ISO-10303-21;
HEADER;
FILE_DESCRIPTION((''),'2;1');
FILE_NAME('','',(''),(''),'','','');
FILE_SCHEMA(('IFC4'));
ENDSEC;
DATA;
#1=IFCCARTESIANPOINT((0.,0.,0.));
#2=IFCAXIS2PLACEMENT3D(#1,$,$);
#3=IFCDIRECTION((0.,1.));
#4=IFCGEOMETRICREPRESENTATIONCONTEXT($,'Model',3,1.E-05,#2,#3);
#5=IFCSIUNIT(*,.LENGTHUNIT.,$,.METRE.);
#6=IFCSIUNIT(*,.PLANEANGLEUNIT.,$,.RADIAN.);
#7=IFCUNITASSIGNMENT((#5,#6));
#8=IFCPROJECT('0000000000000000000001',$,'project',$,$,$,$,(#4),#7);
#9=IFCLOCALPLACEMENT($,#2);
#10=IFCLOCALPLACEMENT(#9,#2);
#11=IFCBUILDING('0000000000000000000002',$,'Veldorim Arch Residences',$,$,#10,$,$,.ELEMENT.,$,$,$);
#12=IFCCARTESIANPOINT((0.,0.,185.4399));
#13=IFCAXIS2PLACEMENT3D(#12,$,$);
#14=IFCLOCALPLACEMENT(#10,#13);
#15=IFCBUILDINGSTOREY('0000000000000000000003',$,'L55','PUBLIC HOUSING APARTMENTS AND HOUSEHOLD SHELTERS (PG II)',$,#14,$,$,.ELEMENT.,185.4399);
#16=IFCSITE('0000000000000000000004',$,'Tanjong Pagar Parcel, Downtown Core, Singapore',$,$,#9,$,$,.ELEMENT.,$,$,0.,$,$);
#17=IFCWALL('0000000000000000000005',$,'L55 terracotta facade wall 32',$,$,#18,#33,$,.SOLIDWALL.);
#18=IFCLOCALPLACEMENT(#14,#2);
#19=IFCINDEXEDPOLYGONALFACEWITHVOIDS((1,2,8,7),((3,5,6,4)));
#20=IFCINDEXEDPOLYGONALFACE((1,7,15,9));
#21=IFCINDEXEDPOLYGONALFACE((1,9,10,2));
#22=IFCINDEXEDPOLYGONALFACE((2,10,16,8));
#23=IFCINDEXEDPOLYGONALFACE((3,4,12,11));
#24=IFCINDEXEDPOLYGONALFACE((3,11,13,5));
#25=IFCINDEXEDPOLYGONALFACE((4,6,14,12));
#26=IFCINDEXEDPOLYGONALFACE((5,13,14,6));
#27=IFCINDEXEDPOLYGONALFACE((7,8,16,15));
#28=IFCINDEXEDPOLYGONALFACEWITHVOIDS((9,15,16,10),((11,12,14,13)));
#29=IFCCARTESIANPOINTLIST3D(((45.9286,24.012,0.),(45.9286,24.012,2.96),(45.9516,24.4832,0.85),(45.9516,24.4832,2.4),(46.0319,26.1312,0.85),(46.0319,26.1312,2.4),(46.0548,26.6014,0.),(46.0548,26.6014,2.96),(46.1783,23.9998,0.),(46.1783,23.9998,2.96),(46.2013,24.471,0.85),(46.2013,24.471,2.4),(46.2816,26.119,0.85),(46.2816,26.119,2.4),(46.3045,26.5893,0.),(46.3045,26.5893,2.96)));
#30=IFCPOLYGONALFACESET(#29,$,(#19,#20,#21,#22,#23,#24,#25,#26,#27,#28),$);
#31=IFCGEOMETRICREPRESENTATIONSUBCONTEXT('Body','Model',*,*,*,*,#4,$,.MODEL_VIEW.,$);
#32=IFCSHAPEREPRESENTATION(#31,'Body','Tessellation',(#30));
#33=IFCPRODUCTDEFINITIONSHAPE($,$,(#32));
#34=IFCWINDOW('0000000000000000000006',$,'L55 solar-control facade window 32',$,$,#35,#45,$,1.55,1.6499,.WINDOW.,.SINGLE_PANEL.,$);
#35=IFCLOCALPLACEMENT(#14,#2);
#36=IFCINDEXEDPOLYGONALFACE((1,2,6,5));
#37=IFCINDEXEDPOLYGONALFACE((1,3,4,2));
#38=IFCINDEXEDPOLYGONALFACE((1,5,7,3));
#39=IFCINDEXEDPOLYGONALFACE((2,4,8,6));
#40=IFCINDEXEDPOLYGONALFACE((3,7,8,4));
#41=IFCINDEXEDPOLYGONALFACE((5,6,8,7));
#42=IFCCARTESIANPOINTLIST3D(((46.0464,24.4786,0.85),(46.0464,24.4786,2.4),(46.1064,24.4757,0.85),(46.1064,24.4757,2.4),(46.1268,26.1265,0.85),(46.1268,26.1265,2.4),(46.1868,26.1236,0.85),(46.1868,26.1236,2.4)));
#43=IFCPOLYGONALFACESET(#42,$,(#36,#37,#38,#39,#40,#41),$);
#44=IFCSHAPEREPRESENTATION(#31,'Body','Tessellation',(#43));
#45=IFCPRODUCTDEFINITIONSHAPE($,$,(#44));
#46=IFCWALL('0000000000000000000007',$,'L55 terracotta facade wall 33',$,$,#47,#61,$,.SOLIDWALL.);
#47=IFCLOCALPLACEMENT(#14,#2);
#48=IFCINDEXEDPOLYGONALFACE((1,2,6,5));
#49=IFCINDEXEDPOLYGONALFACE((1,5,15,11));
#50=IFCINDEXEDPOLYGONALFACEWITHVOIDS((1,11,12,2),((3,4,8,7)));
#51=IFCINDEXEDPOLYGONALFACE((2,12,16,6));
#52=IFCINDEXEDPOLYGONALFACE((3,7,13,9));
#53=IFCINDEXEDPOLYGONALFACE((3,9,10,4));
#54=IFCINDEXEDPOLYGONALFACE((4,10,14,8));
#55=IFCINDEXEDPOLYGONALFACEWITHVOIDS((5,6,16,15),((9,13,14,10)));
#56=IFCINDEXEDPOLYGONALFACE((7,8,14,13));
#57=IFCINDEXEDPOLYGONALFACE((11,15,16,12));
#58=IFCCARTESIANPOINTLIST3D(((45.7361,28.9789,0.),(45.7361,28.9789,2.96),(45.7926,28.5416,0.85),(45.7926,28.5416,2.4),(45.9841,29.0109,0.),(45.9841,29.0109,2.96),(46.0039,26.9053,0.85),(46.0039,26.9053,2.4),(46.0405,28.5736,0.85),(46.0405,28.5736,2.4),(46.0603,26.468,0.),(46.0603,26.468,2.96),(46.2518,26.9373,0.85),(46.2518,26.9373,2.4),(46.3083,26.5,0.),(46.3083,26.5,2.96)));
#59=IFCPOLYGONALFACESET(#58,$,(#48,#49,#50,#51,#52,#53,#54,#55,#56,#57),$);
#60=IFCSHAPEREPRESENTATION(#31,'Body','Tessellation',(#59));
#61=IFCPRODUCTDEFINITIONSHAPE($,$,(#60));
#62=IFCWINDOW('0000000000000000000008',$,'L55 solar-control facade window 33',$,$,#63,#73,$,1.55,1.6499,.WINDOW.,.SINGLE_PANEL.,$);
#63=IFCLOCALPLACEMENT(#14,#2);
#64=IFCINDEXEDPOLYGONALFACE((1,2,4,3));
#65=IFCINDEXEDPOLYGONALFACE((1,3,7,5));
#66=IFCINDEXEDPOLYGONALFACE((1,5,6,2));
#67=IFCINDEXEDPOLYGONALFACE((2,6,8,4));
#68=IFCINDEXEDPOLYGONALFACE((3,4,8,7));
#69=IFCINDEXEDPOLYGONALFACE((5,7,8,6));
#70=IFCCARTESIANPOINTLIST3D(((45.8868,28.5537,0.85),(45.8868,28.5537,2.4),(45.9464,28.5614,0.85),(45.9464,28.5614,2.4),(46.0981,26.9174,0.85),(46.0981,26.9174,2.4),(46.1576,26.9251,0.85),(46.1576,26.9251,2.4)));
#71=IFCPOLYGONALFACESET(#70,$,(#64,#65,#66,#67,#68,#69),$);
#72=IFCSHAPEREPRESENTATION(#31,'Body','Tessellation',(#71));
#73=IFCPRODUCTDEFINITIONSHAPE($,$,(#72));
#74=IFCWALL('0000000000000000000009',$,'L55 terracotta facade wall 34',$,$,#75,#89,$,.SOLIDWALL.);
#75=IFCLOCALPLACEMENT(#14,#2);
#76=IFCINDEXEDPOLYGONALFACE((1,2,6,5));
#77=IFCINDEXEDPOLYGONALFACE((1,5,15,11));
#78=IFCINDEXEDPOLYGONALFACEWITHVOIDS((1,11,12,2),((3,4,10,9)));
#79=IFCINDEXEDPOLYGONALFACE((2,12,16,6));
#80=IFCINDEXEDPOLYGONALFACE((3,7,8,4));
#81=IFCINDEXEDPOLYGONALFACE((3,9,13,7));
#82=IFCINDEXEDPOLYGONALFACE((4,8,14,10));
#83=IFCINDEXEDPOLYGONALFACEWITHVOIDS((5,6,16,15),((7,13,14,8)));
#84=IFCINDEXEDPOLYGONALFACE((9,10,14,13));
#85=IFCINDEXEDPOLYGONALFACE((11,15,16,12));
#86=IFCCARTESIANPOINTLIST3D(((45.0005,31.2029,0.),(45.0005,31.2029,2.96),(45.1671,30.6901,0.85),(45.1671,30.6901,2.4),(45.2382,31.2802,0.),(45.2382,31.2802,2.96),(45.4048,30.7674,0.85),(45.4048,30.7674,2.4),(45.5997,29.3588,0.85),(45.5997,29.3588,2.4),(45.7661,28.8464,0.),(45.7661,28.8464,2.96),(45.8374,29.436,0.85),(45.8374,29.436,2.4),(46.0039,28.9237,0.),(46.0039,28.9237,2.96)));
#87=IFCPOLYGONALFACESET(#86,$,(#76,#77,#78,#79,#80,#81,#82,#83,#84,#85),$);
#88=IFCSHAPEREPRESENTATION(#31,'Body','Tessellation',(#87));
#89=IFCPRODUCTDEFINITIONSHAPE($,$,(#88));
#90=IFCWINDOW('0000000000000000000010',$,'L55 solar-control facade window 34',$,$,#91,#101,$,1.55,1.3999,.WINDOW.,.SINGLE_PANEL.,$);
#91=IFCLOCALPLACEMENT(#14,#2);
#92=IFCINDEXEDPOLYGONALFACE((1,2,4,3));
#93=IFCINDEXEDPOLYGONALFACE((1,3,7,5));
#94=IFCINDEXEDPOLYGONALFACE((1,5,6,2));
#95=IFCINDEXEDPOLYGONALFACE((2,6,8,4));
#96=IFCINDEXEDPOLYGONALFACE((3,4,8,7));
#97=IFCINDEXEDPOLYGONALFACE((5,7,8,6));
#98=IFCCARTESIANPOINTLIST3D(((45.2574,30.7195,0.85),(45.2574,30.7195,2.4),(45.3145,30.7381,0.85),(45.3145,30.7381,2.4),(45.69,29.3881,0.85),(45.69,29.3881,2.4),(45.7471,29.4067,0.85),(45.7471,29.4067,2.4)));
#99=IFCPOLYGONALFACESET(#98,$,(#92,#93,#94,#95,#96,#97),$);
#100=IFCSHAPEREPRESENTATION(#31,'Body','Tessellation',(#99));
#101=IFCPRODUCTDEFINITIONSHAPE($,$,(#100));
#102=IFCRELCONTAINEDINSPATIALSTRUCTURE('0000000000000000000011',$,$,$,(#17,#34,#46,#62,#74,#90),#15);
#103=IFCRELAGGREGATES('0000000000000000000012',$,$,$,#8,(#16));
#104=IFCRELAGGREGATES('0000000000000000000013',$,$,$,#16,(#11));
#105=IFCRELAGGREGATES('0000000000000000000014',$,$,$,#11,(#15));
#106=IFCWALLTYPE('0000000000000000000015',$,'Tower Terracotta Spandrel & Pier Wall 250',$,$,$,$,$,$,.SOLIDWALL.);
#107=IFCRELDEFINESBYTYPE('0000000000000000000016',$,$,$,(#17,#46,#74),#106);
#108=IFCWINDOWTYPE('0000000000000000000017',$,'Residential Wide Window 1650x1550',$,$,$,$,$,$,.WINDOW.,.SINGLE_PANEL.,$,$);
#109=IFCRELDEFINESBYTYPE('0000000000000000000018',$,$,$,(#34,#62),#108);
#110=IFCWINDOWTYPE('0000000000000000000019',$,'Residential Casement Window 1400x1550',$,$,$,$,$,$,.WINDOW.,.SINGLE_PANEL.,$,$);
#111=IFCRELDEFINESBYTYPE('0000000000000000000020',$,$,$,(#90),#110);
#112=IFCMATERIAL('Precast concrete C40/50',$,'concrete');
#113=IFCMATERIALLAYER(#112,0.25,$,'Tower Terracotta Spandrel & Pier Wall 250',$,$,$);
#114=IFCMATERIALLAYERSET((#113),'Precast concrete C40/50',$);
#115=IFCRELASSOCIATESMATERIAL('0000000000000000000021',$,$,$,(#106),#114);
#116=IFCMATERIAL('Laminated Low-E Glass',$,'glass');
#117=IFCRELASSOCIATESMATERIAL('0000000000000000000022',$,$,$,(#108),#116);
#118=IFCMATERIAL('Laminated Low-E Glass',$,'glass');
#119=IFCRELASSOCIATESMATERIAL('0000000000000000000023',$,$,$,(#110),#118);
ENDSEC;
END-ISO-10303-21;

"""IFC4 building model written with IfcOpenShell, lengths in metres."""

from ifc_helpers import new_model, si_unit, direction, frame, frame_2d, origin, place, context, subcontext, project, spatial, rectangle, extrude, material, layer, layer_set, type_object, element, fill, save


model = new_model("IFC4")

# Units and contexts
model_context = context("Model", 3, precision=1e-05, world=origin(), true_north=direction((0.0, 1.0)))
body_context = subcontext(model_context, "Body", "Model", "MODEL_VIEW")
ifc_project = project(units=[si_unit("LENGTHUNIT", "METRE"), si_unit("PLANEANGLEUNIT", "RADIAN")], contexts=[model_context])

# Site, building, storey
site_placement = place(None, origin())
site = spatial("IfcSite", under=ifc_project, at=site_placement, Name="Tanjong Pagar Parcel, Downtown Core, Singapore", CompositionType="ELEMENT", RefElevation=0.0)
building_placement = place(site_placement, origin())
building = spatial("IfcBuilding", under=site, at=building_placement, Name="Veldorim Arch Residences", CompositionType="ELEMENT")
storey_placement = place(building_placement, frame((0.0, 0.0, 185.4399)))
storey = spatial("IfcBuildingStorey", under=building, at=storey_placement, Name="L55", Description="PUBLIC HOUSING APARTMENTS AND HOUSEHOLD SHELTERS (PG II)", CompositionType="ELEMENT", Elevation=185.4399)

# Walls, openings, windows
ifc_material_1 = material(Name="Precast concrete C40/50", Category="concrete")
ifc_layer_1 = layer(ifc_material_1, 0.25, Name="Tower Terracotta Spandrel & Pier Wall 250")
ifc_layer_set_1 = layer_set([ifc_layer_1], Name="Precast concrete C40/50")
wall_type_1 = type_object("IfcWallType", Name="Tower Terracotta Spandrel & Pier Wall 250", PredefinedType="SOLIDWALL", material=ifc_layer_set_1)
wall_1_placement = place(storey_placement, frame((46.1797, 26.5955, 0.0), z_axis=(0.0, 0.0, 1.0), x_axis=(-0.048688, -0.998814, 0.0)))
wall_1 = element("IfcWall", 1, at=wall_1_placement, inside=storey, type_object=wall_type_1, Name="L55 terracotta facade wall 32", PredefinedType="SOLIDWALL", context=body_context, shape_type="SweptSolid", body=[
    extrude(rectangle(XDim=2.5925, YDim=0.25, at=frame_2d((1.2964, 0.0))), origin(), (0.0, 0.0, 1.0), 2.96),
])
opening_1_placement = place(wall_1_placement, frame((0.4709, 0.0, 0.8501)))
opening_1 = element("IfcOpeningElement", 2, at=opening_1_placement, cuts=wall_1, PredefinedType="OPENING", context=body_context, shape_type="SweptSolid", body=[
    extrude(rectangle(XDim=1.6499, YDim=1.55, at=frame_2d((0.825, 0.7749))), frame((0.0, 0.135, 0.0), z_axis=(0.0, -1.0, 0.0), x_axis=(1.0, 0.0, 0.0)), (0.0, 0.0, 1.0), 0.27),
])
ifc_material_2 = material(Name="Laminated Low-E Glass", Category="glass")
window_type_1 = type_object("IfcWindowType", Name="Residential Wide Window 1650x1550", PartitioningType="SINGLE_PANEL", PredefinedType="WINDOW", material=ifc_material_2)
window_1_placement = place(opening_1_placement, origin())
window_1 = element("IfcWindow", 3, at=window_1_placement, inside=storey, type_object=window_type_1, Name="L55 solar-control facade window 32", OverallHeight=1.55, OverallWidth=1.6499, PartitioningType="SINGLE_PANEL", PredefinedType="WINDOW", context=body_context, shape_type="SweptSolid", body=[
    extrude(rectangle(XDim=1.6499, YDim=1.55, at=frame_2d((0.825, 0.7749))), frame((0.0, 0.03, 0.0), z_axis=(0.0, -1.0, 0.0), x_axis=(1.0, 0.0, 0.0)), (0.0, 0.0, 1.0), 0.0601),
________________________________________
Task to carry out: Output, from the data above, the lines from the line with "#71=IFCPOLYGONALFACESET(#70,$,(#64,#65,#66,#67,#68,#69),$);" to the line with "#97=IFCINDEXEDPOLYGONALFACE((5,7,8,6));" exactly as they stand, both ends included and nothing else.

Result of this task:
#71=IFCPOLYGONALFACESET(#70,$,(#64,#65,#66,#67,#68,#69),$);
#72=IFCSHAPEREPRESENTATION(#31,'Body','Tessellation',(#71));
#73=IFCPRODUCTDEFINITIONSHAPE($,$,(#72));
#74=IFCWALL('0000000000000000000009',$,'L55 terracotta facade wall 34',$,$,#75,#89,$,.SOLIDWALL.);
#75=IFCLOCALPLACEMENT(#14,#2);
#76=IFCINDEXEDPOLYGONALFACE((1,2,6,5));
#77=IFCINDEXEDPOLYGONALFACE((1,5,15,11));
#78=IFCINDEXEDPOLYGONALFACEWITHVOIDS((1,11,12,2),((3,4,10,9)));
#79=IFCINDEXEDPOLYGONALFACE((2,12,16,6));
#80=IFCINDEXEDPOLYGONALFACE((3,7,8,4));
#81=IFCINDEXEDPOLYGONALFACE((3,9,13,7));
#82=IFCINDEXEDPOLYGONALFACE((4,8,14,10));
#83=IFCINDEXEDPOLYGONALFACEWITHVOIDS((5,6,16,15),((7,13,14,8)));
#84=IFCINDEXEDPOLYGONALFACE((9,10,14,13));
#85=IFCINDEXEDPOLYGONALFACE((11,15,16,12));
#86=IFCCARTESIANPOINTLIST3D(((45.0005,31.2029,0.),(45.0005,31.2029,2.96),(45.1671,30.6901,0.85),(45.1671,30.6901,2.4),(45.2382,31.2802,0.),(45.2382,31.2802,2.96),(45.4048,30.7674,0.85),(45.4048,30.7674,2.4),(45.5997,29.3588,0.85),(45.5997,29.3588,2.4),(45.7661,28.8464,0.),(45.7661,28.8464,2.96),(45.8374,29.436,0.85),(45.8374,29.436,2.4),(46.0039,28.9237,0.),(46.0039,28.9237,2.96)));
#87=IFCPOLYGONALFACESET(#86,$,(#76,#77,#78,#79,#80,#81,#82,#83,#84,#85),$);
#88=IFCSHAPEREPRESENTATION(#31,'Body','Tessellation',(#87));
#89=IFCPRODUCTDEFINITIONSHAPE($,$,(#88));
#90=IFCWINDOW('0000000000000000000010',$,'L55 solar-control facade window 34',$,$,#91,#101,$,1.55,1.3999,.WINDOW.,.SINGLE_PANEL.,$);
#91=IFCLOCALPLACEMENT(#14,#2);
#92=IFCINDEXEDPOLYGONALFACE((1,2,4,3));
#93=IFCINDEXEDPOLYGONALFACE((1,3,7,5));
#94=IFCINDEXEDPOLYGONALFACE((1,5,6,2));
#95=IFCINDEXEDPOLYGONALFACE((2,6,8,4));
#96=IFCINDEXEDPOLYGONALFACE((3,4,8,7));
#97=IFCINDEXEDPOLYGONALFACE((5,7,8,6));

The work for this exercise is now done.